▶ Instructions to follow
After counting the lines below that contain "YDim", reply with that number alone.

*** Records shown ***

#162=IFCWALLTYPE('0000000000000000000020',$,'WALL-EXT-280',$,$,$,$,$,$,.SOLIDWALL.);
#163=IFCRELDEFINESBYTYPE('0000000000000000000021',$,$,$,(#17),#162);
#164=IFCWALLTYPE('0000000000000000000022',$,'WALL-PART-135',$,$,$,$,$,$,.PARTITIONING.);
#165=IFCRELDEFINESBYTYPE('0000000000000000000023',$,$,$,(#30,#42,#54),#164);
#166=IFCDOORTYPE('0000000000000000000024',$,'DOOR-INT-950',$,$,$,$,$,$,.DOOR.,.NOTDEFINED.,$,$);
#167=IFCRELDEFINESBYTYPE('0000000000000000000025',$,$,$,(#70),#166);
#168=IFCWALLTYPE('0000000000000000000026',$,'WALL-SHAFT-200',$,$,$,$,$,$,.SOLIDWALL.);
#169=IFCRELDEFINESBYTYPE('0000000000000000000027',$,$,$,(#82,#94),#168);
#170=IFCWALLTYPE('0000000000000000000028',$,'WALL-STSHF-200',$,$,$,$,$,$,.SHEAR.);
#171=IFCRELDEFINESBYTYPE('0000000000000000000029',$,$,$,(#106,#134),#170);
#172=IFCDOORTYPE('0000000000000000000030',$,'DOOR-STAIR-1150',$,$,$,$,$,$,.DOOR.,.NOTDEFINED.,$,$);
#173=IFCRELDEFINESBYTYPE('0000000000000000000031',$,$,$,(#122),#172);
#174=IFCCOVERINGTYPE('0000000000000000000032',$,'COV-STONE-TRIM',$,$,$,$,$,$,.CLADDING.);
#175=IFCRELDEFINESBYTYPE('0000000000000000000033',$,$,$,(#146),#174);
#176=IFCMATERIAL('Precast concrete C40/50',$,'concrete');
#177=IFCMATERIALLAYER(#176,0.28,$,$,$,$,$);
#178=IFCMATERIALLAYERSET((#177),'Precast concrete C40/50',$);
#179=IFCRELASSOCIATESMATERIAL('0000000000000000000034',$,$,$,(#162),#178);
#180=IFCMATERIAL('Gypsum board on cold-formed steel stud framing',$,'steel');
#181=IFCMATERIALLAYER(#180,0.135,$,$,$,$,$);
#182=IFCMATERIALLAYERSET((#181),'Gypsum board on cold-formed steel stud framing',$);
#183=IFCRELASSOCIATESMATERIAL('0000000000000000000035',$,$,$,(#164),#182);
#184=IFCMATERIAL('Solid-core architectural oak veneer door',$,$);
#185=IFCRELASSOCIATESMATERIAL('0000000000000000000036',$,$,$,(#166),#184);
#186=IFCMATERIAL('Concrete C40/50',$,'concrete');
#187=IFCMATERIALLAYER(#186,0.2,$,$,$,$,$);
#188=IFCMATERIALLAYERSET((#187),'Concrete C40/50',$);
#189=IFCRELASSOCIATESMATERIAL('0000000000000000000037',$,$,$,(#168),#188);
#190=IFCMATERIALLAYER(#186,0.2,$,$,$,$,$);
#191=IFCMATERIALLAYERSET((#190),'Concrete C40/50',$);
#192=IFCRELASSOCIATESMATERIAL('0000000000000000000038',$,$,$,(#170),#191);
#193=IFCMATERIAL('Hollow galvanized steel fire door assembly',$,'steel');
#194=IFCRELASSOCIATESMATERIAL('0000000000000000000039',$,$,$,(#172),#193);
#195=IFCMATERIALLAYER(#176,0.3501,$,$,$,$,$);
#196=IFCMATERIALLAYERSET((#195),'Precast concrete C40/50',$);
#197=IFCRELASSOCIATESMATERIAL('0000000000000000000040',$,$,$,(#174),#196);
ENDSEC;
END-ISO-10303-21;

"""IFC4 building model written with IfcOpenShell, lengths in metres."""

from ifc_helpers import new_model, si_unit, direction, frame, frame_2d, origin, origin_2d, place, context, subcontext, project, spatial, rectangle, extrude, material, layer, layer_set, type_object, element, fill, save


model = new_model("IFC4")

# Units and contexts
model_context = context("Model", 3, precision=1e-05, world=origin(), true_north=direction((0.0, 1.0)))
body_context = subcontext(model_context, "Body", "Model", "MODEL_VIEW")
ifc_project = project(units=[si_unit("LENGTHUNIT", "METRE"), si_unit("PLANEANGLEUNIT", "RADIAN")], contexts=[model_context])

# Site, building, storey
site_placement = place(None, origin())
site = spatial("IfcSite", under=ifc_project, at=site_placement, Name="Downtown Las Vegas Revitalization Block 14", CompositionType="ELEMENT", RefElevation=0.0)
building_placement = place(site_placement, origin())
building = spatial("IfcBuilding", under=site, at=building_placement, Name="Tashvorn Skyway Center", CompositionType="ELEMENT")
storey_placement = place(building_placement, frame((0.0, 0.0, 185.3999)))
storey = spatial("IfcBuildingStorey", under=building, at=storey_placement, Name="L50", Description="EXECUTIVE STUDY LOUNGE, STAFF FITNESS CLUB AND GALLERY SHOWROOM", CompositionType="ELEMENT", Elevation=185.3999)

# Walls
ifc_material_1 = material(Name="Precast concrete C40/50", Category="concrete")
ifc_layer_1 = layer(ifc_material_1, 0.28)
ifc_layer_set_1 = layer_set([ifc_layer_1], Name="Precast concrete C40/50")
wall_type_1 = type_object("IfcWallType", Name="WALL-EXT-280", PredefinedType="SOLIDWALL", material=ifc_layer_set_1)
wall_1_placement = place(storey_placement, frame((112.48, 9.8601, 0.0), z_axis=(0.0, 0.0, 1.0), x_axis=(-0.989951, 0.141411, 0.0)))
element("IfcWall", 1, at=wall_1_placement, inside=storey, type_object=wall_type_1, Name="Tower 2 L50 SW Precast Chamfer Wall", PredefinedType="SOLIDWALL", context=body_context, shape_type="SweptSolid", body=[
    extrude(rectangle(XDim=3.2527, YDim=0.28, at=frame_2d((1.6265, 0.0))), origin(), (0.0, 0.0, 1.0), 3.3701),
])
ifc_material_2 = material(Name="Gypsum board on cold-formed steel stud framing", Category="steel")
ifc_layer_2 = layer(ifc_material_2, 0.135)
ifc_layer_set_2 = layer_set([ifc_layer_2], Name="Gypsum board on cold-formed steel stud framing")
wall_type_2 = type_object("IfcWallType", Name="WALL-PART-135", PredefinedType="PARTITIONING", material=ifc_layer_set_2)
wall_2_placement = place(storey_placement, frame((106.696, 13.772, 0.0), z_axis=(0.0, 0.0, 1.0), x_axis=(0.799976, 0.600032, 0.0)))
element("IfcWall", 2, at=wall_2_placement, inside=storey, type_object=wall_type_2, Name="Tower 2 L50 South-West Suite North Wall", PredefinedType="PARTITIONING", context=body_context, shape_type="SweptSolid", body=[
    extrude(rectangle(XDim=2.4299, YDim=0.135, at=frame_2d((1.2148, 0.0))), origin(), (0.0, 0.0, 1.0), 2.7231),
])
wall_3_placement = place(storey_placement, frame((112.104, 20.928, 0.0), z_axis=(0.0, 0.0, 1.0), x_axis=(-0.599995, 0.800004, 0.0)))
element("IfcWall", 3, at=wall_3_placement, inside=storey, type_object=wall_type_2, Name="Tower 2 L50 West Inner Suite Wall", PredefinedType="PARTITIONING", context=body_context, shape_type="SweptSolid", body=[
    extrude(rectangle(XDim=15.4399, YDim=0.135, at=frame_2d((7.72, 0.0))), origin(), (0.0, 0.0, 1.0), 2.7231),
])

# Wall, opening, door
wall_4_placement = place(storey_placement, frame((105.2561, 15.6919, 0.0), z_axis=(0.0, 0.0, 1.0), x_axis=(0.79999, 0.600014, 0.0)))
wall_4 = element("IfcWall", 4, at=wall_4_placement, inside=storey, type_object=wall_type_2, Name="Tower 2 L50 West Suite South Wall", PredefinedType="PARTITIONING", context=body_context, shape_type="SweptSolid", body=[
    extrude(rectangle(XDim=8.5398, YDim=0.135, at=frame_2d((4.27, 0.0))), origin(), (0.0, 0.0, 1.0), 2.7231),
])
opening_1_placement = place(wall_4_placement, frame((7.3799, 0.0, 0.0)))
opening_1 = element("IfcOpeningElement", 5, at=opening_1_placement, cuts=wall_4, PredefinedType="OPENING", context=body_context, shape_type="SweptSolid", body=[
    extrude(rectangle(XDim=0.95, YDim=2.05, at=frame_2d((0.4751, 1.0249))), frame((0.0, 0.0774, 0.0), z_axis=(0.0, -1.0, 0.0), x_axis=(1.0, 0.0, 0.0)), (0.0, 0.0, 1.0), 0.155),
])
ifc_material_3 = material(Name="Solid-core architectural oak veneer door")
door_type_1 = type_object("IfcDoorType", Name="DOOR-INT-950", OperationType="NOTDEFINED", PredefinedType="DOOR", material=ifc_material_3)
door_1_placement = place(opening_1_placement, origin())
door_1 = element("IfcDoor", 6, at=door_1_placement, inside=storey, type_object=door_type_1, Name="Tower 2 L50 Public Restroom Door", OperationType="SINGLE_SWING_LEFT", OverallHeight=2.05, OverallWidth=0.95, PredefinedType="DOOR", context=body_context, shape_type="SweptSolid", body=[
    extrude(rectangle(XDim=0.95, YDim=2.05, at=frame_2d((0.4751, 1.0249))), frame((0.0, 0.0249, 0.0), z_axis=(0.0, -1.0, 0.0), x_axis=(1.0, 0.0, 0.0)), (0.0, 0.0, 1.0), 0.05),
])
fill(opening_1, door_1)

*** End of Records shown ***

▶ Final answer
6